Copy each line of the data below in which the word "BRACKET" can be found.

[Saved data entries]
++++++++++++++++++++
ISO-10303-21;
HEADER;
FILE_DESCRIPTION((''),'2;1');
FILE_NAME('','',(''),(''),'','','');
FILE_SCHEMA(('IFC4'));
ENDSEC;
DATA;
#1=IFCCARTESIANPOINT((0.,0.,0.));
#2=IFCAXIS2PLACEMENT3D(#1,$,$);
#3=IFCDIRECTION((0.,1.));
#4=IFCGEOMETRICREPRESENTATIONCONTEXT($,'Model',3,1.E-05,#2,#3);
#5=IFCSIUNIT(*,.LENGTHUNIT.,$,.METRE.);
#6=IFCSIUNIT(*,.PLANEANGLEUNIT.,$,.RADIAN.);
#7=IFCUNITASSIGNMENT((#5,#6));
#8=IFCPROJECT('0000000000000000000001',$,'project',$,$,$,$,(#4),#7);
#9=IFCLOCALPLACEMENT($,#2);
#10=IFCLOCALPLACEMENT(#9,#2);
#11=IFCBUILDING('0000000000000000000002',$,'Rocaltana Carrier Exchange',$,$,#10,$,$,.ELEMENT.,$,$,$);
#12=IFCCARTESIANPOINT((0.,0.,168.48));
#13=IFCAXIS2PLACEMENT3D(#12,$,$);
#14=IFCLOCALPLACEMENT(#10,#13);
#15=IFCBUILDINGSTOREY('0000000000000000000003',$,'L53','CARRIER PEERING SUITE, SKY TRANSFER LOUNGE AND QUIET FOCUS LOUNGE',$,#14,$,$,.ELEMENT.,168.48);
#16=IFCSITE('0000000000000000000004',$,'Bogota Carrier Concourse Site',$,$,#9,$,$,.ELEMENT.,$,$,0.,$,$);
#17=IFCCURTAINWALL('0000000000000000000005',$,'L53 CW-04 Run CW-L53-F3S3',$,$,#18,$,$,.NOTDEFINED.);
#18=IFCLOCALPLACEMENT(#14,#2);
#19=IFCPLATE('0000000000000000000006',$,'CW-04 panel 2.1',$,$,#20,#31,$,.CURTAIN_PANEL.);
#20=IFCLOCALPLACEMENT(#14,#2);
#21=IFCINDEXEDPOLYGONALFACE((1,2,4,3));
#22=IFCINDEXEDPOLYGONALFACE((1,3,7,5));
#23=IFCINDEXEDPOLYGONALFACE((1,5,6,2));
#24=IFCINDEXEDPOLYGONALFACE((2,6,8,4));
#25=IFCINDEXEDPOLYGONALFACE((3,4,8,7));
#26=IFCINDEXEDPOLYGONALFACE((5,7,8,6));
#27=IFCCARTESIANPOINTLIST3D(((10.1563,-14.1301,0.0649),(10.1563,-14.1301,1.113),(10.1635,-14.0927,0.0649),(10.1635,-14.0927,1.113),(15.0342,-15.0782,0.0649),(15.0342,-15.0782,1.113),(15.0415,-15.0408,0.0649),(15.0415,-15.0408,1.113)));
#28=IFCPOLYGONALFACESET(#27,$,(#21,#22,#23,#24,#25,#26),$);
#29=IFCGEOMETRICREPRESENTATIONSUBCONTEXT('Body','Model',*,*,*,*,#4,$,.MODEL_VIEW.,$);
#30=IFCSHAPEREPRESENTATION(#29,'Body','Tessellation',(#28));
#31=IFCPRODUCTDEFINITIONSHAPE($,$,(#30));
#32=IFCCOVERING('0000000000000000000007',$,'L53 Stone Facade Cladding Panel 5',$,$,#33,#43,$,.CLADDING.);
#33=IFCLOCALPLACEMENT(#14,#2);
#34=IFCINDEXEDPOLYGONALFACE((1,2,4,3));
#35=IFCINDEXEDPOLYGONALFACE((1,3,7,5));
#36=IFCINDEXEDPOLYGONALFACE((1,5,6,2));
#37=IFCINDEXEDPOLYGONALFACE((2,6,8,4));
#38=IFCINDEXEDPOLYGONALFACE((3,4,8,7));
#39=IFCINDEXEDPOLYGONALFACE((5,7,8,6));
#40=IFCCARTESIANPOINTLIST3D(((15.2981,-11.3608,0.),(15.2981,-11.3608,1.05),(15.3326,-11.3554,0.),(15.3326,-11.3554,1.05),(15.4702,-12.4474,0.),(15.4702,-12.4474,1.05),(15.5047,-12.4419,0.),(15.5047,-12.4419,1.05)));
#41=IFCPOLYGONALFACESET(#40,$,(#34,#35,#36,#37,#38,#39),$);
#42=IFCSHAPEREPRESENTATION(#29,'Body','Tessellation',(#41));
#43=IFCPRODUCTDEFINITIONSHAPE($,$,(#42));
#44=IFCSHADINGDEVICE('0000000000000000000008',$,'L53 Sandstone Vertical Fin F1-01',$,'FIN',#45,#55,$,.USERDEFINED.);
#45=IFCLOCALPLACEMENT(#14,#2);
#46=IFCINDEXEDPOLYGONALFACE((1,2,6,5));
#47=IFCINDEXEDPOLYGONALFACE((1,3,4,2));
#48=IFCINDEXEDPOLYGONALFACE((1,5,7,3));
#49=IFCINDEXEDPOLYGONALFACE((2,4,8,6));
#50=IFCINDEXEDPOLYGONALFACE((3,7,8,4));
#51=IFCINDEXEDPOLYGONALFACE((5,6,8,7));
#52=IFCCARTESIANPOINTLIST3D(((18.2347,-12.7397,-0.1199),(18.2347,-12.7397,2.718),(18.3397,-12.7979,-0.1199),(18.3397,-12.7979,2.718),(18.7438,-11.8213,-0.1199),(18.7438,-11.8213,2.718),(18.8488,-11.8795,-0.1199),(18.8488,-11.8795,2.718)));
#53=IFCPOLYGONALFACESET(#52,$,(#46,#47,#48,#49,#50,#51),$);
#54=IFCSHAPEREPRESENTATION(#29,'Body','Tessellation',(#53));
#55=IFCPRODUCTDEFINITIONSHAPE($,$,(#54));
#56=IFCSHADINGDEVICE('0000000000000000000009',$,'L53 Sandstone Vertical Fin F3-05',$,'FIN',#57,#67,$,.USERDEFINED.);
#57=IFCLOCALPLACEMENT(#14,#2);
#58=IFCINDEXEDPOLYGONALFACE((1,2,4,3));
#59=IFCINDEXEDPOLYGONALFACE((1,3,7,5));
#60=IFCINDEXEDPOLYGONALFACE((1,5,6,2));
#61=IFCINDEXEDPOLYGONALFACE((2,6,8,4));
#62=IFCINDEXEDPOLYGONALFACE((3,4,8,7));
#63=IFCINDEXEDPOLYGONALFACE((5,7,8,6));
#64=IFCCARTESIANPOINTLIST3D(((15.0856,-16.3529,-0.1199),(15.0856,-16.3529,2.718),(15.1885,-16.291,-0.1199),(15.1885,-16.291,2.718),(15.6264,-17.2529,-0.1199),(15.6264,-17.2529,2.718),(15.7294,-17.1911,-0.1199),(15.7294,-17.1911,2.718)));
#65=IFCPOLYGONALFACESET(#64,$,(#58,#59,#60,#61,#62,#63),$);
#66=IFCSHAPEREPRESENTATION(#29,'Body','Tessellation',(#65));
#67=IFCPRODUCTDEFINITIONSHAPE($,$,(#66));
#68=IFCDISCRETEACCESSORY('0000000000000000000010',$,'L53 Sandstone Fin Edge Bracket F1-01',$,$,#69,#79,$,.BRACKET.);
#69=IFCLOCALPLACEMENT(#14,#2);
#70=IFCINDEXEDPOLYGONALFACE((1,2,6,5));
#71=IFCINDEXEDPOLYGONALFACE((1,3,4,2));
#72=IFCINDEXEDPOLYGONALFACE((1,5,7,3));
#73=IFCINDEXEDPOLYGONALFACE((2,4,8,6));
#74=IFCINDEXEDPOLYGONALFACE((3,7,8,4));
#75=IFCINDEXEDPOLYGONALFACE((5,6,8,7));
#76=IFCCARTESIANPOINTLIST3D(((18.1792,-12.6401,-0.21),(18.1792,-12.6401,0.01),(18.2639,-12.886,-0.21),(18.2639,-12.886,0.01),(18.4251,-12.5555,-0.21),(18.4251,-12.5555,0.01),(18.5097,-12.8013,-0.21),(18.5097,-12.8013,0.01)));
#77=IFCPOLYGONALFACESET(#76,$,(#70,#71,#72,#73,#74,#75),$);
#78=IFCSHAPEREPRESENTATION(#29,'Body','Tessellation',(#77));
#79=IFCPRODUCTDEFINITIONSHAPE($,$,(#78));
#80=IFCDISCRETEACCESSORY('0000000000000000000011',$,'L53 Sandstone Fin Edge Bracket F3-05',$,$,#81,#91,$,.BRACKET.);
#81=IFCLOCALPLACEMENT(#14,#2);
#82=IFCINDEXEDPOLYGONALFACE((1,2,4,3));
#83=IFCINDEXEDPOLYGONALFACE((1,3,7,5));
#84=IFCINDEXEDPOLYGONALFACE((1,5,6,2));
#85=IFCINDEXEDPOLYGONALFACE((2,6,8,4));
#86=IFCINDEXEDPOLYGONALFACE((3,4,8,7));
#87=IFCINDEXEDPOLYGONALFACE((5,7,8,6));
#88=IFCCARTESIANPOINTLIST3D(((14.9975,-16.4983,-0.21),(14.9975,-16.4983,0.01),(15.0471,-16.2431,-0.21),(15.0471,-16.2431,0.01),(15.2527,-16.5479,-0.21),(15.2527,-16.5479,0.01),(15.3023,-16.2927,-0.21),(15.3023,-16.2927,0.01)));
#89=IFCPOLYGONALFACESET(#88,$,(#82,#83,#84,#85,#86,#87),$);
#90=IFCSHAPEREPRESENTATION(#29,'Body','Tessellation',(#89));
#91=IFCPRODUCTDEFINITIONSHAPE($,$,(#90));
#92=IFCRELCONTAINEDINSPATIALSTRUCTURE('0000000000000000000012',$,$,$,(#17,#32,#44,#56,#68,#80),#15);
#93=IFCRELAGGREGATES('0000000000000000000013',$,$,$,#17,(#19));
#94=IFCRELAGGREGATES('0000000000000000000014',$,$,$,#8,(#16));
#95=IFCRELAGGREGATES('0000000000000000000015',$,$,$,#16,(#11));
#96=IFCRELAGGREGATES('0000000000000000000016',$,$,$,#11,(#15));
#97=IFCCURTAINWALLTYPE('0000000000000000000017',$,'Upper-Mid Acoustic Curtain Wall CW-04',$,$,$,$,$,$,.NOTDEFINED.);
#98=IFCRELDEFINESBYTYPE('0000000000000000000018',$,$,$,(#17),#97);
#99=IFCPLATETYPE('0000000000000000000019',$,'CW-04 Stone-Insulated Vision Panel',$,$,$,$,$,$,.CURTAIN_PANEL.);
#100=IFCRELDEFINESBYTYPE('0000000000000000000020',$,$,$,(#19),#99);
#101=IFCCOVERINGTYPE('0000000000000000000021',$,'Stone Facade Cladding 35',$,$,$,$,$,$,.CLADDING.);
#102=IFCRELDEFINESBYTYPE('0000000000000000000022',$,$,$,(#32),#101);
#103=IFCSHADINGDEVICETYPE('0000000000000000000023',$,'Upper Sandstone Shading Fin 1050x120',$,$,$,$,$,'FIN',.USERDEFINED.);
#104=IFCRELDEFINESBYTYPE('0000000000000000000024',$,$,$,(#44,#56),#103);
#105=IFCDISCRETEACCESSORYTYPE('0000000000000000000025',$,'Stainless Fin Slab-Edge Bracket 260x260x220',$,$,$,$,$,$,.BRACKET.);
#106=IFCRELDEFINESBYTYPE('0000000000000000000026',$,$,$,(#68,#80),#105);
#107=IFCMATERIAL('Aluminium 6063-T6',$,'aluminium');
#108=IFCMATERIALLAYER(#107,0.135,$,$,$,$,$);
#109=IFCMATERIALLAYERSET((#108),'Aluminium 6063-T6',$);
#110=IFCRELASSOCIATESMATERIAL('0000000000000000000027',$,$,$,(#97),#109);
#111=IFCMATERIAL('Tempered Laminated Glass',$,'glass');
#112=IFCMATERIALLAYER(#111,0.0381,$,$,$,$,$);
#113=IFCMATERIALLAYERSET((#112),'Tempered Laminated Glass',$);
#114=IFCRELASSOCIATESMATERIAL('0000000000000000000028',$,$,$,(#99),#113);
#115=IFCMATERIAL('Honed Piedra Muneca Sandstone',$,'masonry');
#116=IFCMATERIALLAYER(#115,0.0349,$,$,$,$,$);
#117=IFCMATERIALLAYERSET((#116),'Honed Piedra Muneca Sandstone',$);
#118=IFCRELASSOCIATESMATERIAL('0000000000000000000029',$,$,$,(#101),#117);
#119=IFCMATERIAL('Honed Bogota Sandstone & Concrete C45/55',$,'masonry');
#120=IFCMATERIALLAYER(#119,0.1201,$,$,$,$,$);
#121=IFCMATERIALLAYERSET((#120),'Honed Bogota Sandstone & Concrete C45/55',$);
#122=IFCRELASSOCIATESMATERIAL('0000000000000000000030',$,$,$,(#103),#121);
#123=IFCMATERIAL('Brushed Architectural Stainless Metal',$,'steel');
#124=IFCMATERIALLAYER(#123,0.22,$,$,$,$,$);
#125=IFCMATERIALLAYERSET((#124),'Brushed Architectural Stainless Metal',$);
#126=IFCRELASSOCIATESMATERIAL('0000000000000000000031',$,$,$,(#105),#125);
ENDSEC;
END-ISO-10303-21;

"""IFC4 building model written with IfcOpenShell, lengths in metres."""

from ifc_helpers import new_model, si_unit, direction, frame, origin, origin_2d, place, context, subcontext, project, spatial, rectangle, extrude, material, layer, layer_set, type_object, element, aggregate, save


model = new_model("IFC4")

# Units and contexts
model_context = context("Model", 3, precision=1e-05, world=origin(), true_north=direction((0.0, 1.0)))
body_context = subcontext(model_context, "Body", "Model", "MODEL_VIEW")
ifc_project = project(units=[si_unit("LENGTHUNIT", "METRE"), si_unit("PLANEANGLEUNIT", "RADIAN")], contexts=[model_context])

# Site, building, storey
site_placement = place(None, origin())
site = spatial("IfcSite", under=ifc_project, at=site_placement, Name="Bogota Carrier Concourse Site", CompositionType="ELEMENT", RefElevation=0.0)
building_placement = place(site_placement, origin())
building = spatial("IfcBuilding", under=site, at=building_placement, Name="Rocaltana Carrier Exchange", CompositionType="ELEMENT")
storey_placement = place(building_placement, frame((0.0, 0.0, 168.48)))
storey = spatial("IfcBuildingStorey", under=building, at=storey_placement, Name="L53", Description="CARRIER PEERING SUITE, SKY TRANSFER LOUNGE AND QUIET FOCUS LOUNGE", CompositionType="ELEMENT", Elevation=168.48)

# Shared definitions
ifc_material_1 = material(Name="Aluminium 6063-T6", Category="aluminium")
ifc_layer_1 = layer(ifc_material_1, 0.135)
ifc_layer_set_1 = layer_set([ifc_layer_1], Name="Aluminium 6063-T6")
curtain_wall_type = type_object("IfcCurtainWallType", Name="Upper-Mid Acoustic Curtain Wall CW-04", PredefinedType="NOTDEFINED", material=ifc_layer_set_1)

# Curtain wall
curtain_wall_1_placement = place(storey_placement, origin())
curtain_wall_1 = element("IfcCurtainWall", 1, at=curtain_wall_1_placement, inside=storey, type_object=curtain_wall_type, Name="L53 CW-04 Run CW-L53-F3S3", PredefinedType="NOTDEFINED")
++++++++++++++++++++
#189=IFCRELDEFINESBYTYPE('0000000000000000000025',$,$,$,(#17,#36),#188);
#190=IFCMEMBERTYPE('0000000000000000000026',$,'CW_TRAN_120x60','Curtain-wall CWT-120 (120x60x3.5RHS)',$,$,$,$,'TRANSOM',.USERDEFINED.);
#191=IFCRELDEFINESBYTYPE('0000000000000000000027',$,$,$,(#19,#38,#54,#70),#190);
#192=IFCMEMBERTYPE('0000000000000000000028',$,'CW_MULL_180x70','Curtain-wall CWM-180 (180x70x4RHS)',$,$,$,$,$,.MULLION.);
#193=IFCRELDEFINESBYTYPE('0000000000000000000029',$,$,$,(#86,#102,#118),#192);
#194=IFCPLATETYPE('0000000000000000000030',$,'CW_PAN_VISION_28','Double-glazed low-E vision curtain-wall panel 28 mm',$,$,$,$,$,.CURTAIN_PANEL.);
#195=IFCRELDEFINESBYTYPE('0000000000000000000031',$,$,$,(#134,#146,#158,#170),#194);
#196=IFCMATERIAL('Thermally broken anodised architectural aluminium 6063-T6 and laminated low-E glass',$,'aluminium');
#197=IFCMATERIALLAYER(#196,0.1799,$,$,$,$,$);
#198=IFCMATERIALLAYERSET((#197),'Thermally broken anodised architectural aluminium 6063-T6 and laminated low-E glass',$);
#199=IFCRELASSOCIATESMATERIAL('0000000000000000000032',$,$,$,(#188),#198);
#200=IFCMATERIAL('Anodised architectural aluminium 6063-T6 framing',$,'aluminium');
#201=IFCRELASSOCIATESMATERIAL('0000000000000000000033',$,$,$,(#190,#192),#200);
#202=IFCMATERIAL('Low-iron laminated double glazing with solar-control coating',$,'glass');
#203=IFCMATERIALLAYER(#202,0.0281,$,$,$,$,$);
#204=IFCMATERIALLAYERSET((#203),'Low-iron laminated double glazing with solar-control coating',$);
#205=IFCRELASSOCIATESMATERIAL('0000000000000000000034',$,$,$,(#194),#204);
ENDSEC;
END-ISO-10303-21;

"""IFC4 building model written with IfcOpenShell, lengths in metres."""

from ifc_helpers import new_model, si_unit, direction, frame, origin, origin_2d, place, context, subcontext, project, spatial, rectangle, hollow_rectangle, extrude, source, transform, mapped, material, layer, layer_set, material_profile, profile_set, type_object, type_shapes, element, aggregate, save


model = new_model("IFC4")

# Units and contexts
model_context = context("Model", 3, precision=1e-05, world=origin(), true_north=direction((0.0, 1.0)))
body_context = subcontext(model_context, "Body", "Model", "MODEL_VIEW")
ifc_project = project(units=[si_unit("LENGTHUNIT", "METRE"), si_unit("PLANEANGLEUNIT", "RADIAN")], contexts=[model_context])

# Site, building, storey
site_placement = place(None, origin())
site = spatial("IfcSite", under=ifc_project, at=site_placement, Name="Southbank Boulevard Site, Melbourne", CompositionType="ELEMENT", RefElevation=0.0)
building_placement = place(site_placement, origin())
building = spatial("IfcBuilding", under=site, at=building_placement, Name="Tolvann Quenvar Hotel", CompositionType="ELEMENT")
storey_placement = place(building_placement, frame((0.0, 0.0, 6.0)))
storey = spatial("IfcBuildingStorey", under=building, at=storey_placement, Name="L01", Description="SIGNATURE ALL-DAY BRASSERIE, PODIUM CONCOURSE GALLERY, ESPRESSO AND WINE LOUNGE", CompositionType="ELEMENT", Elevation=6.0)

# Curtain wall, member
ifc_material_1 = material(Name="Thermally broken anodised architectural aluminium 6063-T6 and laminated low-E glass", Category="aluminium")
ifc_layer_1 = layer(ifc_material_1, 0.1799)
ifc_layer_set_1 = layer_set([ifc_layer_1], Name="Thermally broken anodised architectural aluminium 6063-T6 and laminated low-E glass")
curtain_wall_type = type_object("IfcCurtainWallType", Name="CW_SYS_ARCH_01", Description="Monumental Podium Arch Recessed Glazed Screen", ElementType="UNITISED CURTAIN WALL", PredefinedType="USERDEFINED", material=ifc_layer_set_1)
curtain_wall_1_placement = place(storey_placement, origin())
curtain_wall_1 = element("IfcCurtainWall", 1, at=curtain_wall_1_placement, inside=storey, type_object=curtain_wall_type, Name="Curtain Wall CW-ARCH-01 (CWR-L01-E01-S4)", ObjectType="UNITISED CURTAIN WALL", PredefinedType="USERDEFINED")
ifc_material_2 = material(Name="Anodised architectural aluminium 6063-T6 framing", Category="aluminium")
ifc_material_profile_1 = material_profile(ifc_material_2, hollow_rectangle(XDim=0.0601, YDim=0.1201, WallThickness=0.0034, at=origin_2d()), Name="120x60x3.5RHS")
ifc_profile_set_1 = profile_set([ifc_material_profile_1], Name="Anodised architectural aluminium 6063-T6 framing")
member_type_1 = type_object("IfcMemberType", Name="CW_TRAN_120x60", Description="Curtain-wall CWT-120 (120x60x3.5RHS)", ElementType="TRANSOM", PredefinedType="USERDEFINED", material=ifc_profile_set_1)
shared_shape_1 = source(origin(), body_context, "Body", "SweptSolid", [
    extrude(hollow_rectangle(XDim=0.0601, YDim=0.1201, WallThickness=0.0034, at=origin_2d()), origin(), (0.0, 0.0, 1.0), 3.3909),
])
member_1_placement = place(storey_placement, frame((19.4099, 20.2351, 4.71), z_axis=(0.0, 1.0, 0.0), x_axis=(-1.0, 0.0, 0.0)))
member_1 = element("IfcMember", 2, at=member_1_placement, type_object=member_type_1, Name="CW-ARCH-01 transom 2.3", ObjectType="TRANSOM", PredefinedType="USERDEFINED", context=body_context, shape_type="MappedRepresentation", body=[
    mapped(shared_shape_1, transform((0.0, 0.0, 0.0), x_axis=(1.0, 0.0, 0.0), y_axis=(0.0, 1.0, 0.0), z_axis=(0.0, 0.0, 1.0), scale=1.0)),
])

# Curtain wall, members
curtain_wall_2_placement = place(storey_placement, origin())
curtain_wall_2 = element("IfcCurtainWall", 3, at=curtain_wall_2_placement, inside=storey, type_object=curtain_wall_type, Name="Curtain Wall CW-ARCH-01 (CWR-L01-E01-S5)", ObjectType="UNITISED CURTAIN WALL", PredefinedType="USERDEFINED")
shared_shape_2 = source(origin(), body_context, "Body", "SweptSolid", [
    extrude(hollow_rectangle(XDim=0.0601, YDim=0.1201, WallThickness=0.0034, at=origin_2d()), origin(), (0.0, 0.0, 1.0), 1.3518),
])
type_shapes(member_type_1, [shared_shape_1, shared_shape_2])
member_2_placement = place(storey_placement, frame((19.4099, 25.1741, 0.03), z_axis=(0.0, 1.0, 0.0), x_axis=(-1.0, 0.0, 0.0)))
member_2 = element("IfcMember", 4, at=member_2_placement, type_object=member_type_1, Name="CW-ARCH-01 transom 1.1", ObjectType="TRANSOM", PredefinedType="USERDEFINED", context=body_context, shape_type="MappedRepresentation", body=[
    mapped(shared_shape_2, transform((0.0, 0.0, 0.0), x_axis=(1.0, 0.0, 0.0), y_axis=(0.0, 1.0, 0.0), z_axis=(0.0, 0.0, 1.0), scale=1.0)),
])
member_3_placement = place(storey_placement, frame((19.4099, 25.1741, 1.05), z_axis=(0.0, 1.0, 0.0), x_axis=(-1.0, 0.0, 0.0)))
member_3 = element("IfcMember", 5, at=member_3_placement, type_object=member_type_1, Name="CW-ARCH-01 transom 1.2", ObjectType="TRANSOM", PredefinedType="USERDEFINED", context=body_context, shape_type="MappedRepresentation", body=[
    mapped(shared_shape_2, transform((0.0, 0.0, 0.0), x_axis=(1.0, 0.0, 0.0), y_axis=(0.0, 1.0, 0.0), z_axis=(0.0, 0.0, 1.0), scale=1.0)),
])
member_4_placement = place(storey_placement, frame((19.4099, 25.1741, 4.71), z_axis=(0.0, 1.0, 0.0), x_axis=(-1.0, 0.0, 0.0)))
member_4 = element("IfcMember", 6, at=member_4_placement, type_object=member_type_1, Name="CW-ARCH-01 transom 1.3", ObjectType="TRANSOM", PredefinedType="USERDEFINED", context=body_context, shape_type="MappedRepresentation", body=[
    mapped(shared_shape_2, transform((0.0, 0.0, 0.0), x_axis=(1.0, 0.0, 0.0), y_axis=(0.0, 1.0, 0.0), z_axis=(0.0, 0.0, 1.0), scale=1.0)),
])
++++++++++++++++++++
### [Reply to the task]
#68=IFCDISCRETEACCESSORY('0000000000000000000010',$,'L53 Sandstone Fin Edge Bracket F1-01',$,$,#69,#79,$,.BRACKET.);
#80=IFCDISCRETEACCESSORY('0000000000000000000011',$,'L53 Sandstone Fin Edge Bracket F3-05',$,$,#81,#91,$,.BRACKET.);
#105=IFCDISCRETEACCESSORYTYPE('0000000000000000000025',$,'Stainless Fin Slab-Edge Bracket 260x260x220',$,$,$,$,$,$,.BRACKET.);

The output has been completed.